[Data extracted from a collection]

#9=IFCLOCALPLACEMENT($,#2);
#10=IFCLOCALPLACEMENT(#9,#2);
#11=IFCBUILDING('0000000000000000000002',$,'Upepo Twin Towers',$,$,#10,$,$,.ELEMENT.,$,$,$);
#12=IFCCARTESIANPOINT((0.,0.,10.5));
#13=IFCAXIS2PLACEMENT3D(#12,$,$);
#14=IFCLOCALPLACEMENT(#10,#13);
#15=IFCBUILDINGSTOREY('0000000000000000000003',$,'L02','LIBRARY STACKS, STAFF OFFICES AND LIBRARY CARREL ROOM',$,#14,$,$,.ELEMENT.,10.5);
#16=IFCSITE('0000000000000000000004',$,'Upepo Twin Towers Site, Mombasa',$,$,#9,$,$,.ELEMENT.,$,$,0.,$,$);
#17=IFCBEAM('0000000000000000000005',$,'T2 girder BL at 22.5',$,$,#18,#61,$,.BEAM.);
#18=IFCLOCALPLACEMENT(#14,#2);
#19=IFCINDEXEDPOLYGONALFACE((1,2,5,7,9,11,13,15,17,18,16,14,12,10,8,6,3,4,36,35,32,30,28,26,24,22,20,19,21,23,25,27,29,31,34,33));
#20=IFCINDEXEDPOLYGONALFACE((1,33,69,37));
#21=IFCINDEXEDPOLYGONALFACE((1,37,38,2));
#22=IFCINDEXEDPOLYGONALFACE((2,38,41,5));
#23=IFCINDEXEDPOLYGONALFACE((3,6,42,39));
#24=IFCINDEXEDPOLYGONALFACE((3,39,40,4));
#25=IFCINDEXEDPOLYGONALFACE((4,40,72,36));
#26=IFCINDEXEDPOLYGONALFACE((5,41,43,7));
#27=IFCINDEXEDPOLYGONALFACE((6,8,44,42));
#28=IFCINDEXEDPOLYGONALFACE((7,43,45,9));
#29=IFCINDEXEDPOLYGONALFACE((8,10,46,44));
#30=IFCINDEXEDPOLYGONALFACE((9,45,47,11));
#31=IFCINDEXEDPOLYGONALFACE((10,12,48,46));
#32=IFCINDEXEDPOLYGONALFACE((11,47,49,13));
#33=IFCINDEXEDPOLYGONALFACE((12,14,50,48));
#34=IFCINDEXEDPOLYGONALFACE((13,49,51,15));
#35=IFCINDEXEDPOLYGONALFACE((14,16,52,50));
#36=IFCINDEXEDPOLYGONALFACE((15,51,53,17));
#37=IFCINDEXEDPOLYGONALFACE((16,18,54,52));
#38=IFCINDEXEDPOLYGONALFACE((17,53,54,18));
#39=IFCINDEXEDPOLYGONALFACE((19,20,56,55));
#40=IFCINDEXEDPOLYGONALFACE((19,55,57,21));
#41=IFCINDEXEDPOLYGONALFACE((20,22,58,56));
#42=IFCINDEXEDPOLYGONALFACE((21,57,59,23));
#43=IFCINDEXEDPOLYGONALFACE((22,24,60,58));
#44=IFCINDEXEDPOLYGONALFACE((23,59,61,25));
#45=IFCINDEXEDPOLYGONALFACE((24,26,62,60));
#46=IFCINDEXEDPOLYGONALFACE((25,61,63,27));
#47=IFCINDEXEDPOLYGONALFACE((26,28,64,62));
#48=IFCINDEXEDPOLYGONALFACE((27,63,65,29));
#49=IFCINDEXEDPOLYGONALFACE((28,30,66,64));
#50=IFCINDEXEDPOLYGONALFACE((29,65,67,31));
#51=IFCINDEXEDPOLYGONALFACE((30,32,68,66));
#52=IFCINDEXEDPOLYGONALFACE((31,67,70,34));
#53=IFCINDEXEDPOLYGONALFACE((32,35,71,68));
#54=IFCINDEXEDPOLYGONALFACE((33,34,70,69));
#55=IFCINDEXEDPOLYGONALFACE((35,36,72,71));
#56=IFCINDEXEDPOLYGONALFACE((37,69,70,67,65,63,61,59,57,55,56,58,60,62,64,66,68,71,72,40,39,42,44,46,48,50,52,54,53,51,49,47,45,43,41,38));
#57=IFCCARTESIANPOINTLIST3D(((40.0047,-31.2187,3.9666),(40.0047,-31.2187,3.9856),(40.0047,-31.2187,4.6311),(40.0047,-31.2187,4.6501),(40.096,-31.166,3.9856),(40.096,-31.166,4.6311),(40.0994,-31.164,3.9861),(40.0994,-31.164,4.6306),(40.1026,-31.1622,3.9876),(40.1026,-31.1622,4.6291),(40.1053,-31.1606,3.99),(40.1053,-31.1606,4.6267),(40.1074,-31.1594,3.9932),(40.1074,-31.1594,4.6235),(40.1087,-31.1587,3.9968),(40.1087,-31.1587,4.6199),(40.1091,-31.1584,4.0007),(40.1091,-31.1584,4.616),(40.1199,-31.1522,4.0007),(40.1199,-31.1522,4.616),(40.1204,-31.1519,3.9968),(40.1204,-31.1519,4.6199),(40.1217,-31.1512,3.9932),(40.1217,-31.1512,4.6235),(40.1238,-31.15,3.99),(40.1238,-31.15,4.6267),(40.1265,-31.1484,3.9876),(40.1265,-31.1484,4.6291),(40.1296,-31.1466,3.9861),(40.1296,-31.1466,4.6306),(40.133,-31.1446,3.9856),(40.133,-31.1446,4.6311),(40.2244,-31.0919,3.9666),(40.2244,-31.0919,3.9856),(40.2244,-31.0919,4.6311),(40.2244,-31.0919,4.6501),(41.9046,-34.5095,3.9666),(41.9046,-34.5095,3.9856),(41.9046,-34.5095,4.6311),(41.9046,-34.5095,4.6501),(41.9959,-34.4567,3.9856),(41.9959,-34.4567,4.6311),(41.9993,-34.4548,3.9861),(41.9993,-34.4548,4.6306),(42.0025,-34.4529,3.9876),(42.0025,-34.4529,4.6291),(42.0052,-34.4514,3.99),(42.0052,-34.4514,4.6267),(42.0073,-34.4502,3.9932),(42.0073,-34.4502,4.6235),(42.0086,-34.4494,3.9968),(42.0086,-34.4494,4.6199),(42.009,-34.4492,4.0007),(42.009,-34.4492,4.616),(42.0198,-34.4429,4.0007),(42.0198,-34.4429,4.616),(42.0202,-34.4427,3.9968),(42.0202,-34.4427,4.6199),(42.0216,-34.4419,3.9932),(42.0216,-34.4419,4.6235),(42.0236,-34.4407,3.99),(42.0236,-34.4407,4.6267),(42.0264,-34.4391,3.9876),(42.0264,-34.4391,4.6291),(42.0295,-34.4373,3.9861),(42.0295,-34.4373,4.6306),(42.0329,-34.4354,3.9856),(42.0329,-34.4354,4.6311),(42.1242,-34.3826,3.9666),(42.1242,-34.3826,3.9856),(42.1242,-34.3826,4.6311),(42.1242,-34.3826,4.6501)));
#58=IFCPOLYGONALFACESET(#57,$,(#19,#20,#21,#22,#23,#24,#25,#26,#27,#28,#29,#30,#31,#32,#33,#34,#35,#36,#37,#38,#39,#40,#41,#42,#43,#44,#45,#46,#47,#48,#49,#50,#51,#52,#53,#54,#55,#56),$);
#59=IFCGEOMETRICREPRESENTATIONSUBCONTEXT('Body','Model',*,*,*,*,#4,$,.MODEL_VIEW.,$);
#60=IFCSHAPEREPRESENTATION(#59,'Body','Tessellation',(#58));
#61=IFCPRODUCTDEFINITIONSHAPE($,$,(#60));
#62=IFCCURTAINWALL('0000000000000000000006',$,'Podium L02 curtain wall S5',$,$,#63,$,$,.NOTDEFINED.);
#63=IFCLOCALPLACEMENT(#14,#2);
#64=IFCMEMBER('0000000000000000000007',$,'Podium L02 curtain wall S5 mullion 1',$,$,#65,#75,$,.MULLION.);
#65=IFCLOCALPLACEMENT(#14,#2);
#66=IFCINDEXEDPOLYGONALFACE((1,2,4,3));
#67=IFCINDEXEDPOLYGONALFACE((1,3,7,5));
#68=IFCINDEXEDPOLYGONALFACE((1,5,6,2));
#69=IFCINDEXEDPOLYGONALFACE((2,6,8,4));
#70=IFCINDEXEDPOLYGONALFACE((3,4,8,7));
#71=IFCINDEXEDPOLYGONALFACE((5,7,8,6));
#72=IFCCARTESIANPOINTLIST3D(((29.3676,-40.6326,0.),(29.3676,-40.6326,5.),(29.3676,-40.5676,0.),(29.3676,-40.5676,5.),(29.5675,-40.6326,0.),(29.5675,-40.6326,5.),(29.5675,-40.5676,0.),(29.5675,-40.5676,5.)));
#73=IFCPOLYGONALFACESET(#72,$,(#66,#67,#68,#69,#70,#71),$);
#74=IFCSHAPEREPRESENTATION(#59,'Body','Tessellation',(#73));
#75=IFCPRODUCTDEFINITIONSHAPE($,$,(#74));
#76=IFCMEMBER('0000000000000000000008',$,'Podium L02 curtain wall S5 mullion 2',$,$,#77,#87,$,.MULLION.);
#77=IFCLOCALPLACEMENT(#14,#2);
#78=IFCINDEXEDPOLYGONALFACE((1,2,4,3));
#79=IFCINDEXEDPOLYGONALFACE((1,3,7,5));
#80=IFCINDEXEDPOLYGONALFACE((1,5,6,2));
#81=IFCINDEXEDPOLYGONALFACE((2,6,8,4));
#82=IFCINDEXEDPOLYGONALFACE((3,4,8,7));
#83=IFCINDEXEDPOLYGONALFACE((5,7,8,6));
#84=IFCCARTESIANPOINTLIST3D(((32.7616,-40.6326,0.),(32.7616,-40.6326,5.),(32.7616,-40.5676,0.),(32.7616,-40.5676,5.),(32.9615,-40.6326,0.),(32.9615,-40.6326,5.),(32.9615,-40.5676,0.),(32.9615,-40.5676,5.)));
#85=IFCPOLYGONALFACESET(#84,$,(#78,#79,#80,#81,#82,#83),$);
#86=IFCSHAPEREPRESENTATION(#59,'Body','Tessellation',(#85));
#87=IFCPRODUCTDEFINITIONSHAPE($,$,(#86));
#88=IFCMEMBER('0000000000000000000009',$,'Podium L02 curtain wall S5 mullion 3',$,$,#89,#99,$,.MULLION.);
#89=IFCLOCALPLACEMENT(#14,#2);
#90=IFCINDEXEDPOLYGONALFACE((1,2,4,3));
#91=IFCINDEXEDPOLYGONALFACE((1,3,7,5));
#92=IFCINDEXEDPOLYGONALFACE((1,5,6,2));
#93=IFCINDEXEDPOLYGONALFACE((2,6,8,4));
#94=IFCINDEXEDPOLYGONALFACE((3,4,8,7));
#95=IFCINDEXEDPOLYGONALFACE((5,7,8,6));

▶ **REQUIREMENT**
Once you reach the line that holds "#79=IFCINDEXEDPOLYGONALFACE((1,3,7,5));", print it and every line after it through the end of the records, word for word.

▶ **YOUR RESPONSE**
#79=IFCINDEXEDPOLYGONALFACE((1,3,7,5));
#80=IFCINDEXEDPOLYGONALFACE((1,5,6,2));
#81=IFCINDEXEDPOLYGONALFACE((2,6,8,4));
#82=IFCINDEXEDPOLYGONALFACE((3,4,8,7));
#83=IFCINDEXEDPOLYGONALFACE((5,7,8,6));
#84=IFCCARTESIANPOINTLIST3D(((32.7616,-40.6326,0.),(32.7616,-40.6326,5.),(32.7616,-40.5676,0.),(32.7616,-40.5676,5.),(32.9615,-40.6326,0.),(32.9615,-40.6326,5.),(32.9615,-40.5676,0.),(32.9615,-40.5676,5.)));
#85=IFCPOLYGONALFACESET(#84,$,(#78,#79,#80,#81,#82,#83),$);
#86=IFCSHAPEREPRESENTATION(#59,'Body','Tessellation',(#85));
#87=IFCPRODUCTDEFINITIONSHAPE($,$,(#86));
#88=IFCMEMBER('0000000000000000000009',$,'Podium L02 curtain wall S5 mullion 3',$,$,#89,#99,$,.MULLION.);
#89=IFCLOCALPLACEMENT(#14,#2);
#90=IFCINDEXEDPOLYGONALFACE((1,2,4,3));
#91=IFCINDEXEDPOLYGONALFACE((1,3,7,5));
#92=IFCINDEXEDPOLYGONALFACE((1,5,6,2));
#93=IFCINDEXEDPOLYGONALFACE((2,6,8,4));
#94=IFCINDEXEDPOLYGONALFACE((3,4,8,7));
#95=IFCINDEXEDPOLYGONALFACE((5,7,8,6));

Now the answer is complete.